▸ Work required: For each line of the listing that holds "import", show the full line.

(Supplied records)

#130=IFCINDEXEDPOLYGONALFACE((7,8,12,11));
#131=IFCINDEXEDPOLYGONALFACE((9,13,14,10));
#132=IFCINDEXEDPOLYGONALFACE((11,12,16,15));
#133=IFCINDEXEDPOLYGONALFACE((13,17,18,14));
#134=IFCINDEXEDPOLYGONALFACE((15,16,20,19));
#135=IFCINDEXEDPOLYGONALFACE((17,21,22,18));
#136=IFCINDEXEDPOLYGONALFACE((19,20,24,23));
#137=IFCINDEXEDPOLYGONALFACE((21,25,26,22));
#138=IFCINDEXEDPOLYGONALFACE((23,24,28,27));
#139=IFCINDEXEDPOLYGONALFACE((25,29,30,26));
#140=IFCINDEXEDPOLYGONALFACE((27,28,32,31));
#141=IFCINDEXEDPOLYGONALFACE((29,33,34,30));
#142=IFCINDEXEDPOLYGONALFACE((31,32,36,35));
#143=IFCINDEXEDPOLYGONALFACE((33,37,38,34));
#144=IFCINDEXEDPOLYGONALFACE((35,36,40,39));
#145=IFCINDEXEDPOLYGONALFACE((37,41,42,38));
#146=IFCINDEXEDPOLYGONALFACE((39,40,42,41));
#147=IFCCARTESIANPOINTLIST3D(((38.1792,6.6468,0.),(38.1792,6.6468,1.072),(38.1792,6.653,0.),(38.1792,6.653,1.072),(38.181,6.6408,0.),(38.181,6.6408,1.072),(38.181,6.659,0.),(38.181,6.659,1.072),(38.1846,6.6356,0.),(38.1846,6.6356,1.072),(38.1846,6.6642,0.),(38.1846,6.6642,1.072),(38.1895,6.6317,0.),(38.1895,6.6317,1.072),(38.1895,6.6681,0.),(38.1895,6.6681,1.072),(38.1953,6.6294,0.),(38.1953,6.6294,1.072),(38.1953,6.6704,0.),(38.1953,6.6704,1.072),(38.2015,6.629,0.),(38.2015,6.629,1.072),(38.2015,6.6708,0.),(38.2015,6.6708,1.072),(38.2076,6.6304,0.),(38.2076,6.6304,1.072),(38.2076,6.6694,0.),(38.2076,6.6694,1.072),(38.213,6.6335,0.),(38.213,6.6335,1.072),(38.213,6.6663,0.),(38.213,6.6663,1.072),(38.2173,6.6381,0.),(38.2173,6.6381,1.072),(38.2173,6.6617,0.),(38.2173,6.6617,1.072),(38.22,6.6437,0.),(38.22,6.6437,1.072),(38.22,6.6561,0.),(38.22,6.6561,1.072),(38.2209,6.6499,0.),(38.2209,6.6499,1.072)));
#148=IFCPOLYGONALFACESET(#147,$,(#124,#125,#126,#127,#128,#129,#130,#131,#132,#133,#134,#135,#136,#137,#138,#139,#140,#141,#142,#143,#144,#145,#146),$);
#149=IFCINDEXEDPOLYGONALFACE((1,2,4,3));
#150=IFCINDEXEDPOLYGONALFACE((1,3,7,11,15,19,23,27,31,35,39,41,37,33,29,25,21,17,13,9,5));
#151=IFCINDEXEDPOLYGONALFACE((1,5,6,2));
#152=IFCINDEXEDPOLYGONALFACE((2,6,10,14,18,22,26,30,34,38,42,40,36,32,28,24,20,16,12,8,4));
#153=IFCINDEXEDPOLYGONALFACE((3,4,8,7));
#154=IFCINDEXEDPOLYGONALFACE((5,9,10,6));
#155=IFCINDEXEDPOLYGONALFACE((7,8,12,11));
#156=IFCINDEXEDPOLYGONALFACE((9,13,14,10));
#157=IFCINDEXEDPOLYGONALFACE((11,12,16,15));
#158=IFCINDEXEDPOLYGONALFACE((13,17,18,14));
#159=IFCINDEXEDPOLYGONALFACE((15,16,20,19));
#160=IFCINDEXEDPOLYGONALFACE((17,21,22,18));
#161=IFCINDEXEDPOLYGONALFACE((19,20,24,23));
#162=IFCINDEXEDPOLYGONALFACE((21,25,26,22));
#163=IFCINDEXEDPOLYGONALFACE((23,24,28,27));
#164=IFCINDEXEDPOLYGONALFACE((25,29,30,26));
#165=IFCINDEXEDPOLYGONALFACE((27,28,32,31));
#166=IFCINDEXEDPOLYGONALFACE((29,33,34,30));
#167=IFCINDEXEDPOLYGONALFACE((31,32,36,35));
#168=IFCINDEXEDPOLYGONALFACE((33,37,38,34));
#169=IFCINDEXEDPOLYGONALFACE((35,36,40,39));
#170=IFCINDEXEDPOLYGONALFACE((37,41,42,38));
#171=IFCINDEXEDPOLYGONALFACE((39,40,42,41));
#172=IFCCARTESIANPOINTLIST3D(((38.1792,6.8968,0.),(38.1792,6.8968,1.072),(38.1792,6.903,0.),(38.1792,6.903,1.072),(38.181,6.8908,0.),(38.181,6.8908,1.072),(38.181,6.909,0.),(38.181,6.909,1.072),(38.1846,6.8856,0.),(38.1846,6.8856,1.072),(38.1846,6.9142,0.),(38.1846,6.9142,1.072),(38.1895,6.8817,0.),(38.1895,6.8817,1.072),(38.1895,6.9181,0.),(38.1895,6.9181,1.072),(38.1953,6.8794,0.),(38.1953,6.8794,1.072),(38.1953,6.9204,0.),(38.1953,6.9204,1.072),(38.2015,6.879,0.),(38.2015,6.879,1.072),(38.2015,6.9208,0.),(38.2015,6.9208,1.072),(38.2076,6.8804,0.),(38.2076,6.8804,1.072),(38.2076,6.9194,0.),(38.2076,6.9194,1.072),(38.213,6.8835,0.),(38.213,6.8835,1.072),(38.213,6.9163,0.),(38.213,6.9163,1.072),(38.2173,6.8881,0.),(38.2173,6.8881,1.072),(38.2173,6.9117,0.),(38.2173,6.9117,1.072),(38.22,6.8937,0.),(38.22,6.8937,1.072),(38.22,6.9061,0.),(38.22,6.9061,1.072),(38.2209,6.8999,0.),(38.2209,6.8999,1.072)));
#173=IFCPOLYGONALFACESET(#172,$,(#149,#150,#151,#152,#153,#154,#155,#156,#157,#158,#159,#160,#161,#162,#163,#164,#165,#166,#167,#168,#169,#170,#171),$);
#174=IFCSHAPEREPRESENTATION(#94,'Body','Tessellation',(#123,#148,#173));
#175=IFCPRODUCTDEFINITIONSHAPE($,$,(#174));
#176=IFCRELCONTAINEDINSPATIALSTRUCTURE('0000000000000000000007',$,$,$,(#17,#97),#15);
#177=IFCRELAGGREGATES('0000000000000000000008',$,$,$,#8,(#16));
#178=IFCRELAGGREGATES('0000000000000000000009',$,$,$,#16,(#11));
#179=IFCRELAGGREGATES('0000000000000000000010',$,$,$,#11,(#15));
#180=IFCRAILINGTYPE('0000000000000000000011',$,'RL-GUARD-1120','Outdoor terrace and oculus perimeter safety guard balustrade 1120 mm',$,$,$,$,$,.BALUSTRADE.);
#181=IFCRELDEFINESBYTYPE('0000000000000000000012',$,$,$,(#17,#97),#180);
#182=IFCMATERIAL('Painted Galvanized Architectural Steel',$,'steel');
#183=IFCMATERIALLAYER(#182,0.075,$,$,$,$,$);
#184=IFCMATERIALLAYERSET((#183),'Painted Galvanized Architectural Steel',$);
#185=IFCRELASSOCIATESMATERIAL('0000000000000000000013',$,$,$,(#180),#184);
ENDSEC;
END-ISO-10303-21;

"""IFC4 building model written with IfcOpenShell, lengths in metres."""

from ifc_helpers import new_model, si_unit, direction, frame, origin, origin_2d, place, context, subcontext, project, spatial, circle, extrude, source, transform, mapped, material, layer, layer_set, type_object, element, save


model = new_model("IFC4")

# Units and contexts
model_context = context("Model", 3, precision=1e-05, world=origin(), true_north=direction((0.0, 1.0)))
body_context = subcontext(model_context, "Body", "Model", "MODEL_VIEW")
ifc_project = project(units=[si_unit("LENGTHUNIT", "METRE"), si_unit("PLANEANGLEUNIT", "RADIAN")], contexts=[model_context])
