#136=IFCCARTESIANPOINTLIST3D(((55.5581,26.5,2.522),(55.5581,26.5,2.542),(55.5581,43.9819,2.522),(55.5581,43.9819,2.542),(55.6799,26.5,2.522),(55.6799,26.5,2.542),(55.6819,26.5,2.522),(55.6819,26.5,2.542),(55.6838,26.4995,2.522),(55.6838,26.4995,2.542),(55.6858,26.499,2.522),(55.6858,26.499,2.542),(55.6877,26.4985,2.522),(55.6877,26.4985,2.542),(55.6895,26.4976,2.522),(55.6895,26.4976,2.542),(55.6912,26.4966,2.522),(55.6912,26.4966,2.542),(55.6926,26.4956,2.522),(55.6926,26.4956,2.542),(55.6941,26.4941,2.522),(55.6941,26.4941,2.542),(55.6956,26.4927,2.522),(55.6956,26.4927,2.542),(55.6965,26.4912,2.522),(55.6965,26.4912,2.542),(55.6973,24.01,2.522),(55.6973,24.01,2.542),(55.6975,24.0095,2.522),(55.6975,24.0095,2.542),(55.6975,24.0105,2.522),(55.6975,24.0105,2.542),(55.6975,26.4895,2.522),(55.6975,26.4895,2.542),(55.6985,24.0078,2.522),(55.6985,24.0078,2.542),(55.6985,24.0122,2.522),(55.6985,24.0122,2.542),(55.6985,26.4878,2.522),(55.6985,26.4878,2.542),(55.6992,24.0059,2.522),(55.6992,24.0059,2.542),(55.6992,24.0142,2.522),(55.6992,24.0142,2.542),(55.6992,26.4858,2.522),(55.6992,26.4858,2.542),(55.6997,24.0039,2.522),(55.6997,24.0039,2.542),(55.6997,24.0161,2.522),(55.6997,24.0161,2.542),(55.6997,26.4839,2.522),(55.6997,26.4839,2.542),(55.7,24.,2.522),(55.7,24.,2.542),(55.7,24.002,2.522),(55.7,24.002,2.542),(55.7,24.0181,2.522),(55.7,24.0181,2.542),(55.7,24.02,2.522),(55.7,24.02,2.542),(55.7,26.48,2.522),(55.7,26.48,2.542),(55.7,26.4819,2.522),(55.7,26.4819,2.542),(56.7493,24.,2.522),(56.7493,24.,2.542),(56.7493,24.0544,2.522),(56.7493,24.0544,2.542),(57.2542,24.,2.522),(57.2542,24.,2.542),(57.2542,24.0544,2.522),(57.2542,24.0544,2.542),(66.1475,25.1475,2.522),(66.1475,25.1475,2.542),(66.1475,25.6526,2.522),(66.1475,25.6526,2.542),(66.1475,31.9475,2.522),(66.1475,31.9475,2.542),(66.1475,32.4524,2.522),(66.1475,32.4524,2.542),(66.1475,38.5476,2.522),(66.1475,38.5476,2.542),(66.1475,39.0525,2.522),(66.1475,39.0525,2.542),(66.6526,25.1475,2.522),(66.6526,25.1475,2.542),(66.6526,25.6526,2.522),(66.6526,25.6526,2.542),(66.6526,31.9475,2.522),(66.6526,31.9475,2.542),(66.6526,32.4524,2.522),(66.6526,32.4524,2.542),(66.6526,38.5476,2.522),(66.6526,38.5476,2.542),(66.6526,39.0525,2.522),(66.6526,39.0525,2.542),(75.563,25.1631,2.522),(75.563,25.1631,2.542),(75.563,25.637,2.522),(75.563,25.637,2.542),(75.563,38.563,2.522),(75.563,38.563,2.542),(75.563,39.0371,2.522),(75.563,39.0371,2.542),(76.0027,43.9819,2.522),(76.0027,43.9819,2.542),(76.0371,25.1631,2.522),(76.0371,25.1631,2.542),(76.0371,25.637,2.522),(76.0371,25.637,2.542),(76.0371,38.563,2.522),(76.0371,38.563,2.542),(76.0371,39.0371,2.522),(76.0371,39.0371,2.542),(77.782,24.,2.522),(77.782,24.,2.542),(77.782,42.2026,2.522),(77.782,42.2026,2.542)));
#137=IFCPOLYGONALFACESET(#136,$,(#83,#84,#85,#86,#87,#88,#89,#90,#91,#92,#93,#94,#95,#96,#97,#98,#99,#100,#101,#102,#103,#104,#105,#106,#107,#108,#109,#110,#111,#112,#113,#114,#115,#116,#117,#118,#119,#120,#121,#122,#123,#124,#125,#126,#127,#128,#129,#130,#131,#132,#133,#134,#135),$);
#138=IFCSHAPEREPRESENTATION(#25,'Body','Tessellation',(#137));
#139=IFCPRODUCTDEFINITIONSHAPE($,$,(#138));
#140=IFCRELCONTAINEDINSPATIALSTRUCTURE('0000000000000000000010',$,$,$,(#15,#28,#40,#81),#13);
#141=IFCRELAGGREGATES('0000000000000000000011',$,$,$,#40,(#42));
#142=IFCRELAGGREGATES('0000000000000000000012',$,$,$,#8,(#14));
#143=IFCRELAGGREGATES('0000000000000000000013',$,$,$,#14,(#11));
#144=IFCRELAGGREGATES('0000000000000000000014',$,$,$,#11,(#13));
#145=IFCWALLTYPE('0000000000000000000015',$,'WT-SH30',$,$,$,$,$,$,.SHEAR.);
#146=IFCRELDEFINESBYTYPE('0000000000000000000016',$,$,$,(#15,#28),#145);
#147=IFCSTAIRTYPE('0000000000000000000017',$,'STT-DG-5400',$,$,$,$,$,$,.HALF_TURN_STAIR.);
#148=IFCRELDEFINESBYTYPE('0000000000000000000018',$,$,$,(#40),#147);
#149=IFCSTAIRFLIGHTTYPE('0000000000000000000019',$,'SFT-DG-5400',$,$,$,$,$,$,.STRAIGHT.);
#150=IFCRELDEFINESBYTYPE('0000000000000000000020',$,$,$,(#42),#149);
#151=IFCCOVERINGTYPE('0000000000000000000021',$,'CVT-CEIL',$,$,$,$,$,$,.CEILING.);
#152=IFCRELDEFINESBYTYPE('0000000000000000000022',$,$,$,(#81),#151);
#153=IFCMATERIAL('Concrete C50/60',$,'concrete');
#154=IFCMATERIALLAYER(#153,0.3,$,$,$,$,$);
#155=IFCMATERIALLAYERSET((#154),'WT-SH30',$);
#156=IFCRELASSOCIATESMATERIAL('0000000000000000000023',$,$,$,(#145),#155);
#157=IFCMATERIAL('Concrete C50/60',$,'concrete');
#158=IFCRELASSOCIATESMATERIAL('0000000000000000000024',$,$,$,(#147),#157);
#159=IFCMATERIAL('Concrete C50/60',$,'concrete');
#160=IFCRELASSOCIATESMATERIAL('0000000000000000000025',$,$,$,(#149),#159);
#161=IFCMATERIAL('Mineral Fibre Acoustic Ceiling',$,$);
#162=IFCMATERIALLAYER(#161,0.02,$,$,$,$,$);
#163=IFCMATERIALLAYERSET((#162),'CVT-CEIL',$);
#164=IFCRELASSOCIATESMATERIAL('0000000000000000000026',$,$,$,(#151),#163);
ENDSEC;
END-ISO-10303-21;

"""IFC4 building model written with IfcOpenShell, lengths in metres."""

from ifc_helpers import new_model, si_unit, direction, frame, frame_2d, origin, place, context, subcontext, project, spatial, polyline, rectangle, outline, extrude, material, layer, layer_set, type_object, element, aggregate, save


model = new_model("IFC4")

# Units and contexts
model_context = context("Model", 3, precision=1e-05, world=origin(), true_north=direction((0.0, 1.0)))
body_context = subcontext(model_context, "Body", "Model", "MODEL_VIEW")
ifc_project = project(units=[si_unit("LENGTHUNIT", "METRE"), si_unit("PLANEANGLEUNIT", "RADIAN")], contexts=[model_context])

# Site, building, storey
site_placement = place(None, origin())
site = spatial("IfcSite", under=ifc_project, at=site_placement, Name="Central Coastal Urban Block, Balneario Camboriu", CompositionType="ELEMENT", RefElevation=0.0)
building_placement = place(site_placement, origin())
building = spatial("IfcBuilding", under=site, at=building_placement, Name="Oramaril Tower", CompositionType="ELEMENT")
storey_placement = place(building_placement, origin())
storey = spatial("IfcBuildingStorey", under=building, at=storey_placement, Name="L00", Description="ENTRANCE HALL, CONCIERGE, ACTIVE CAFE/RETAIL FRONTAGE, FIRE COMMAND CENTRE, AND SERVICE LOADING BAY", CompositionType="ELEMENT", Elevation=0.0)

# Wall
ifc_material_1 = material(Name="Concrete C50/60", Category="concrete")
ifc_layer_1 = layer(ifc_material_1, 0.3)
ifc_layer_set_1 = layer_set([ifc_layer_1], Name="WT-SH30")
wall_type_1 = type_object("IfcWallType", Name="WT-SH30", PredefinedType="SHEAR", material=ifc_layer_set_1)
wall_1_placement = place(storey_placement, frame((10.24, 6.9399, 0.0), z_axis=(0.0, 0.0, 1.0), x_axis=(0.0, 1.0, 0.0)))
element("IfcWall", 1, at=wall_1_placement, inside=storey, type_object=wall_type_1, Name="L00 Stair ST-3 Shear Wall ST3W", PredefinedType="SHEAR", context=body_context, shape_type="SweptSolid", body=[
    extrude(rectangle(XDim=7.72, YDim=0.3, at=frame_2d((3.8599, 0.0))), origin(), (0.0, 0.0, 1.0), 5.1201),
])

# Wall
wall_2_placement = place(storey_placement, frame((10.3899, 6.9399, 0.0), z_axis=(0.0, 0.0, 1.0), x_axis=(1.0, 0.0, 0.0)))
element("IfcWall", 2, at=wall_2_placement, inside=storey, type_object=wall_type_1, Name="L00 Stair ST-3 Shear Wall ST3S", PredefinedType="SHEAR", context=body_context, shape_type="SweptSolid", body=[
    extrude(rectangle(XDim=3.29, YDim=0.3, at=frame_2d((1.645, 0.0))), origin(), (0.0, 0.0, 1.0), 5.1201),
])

(End Supplied records)

▸ Answer box:
from ifc_helpers import new_model, si_unit, direction, frame, origin, origin_2d, place, context, subcontext, project, spatial, circle, extrude, source, transform, mapped, material, layer, layer_set, type_object, element, save
from ifc_helpers import new_model, si_unit, direction, frame, frame_2d, origin, place, context, subcontext, project, spatial, polyline, rectangle, outline, extrude, material, layer, layer_set, type_object, element, aggregate, save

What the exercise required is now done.